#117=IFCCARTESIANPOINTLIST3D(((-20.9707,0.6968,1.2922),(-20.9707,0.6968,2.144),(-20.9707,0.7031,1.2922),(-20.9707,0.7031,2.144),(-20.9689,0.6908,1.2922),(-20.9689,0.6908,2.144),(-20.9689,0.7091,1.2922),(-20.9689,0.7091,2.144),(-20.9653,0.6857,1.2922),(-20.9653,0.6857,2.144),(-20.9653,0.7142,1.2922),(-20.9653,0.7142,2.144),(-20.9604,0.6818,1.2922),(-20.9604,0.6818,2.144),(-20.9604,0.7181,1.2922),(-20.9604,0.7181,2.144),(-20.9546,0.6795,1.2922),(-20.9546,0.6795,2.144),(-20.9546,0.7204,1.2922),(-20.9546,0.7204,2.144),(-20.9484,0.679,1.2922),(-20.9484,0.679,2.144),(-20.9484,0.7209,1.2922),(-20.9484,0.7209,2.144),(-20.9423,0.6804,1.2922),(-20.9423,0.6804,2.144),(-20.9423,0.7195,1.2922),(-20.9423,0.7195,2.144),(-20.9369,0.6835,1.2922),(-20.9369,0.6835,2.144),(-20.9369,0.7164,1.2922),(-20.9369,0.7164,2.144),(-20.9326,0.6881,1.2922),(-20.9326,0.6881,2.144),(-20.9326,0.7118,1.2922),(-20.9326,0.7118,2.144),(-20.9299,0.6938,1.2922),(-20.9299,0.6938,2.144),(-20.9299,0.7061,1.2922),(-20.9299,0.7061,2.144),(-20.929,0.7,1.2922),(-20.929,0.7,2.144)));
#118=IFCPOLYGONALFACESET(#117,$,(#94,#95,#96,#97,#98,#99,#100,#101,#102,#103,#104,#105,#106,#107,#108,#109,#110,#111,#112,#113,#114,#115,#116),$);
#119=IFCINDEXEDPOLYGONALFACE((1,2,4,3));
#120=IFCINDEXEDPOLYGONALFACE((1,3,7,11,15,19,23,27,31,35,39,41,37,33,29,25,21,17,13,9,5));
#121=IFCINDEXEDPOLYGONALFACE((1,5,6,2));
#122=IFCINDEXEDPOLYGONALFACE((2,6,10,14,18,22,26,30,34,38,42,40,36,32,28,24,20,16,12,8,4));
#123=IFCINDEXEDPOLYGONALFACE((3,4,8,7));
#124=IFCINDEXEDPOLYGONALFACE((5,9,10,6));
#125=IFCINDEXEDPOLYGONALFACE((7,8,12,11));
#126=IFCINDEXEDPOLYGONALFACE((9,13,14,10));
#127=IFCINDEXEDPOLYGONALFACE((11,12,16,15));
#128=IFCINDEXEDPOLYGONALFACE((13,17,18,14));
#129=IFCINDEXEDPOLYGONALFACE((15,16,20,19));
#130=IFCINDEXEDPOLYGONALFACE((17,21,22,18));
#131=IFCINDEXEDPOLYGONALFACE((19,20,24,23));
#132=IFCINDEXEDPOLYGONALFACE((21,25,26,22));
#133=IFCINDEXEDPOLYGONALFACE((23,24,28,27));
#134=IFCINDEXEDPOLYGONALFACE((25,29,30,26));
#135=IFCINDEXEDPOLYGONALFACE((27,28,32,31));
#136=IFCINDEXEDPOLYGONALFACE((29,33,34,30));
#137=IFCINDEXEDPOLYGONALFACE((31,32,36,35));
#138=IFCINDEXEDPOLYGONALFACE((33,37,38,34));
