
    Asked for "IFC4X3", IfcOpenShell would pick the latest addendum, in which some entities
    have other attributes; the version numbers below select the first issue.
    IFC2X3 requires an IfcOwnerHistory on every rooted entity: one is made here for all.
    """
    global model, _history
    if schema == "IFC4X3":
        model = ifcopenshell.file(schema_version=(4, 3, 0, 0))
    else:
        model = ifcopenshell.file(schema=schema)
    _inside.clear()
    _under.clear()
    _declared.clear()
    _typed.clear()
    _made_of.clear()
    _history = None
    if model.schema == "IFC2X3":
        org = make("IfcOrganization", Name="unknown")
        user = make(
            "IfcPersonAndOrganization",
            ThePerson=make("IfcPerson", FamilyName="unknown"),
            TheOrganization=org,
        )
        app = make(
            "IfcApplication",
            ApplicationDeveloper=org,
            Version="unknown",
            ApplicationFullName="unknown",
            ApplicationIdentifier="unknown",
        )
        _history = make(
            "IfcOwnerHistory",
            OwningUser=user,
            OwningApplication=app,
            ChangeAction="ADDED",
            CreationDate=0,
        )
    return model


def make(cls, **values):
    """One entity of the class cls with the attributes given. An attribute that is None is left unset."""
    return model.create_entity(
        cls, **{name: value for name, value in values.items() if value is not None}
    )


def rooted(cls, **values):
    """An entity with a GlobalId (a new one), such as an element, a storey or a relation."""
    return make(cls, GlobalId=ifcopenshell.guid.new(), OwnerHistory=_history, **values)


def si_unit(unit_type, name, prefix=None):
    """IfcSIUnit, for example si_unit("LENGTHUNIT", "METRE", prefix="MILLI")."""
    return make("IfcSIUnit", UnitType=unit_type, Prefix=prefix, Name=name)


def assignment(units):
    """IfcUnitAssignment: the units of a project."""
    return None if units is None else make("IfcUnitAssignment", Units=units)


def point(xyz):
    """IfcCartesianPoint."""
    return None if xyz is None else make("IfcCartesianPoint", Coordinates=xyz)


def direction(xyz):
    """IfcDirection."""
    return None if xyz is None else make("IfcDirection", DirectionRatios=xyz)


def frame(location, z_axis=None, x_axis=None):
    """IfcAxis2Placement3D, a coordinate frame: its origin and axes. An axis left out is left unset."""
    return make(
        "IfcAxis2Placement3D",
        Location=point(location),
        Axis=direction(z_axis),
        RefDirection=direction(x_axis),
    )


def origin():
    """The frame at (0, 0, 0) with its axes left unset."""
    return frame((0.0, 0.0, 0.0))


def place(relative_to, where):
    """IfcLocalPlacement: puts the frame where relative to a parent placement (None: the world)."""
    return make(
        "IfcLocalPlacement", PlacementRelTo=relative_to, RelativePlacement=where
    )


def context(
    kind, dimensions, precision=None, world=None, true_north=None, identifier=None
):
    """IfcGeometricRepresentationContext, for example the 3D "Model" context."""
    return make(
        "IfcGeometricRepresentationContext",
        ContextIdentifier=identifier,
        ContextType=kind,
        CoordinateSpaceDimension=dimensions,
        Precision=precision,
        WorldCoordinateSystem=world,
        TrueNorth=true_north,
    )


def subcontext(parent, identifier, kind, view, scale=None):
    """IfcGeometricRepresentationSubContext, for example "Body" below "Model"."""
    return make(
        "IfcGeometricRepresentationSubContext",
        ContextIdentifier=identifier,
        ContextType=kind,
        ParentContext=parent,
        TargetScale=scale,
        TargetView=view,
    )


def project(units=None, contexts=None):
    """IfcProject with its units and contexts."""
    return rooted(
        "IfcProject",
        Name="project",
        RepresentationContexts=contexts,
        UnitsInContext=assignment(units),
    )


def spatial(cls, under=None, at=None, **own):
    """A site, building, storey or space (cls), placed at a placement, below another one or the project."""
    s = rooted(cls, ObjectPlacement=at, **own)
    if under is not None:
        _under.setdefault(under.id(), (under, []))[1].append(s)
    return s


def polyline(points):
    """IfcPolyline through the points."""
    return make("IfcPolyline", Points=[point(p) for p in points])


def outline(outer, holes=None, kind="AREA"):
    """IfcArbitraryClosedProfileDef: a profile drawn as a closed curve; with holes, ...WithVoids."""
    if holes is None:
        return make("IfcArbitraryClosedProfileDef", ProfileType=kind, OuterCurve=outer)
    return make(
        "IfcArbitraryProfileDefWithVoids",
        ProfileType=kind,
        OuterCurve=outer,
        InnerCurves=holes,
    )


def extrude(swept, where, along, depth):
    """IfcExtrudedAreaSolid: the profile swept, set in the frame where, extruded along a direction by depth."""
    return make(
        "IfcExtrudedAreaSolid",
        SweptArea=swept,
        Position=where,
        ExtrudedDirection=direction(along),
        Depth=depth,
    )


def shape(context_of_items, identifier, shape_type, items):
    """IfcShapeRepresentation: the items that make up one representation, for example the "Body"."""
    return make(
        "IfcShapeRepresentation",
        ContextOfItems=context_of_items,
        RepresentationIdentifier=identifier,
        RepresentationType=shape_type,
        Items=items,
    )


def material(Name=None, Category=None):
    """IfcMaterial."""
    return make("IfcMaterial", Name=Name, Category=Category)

## Exercise directions
Pull each line containing "IfcOwnerHistory" from the records.

## Problem solution
    IFC2X3 requires an IfcOwnerHistory on every rooted entity: one is made here for all.
            "IfcOwnerHistory",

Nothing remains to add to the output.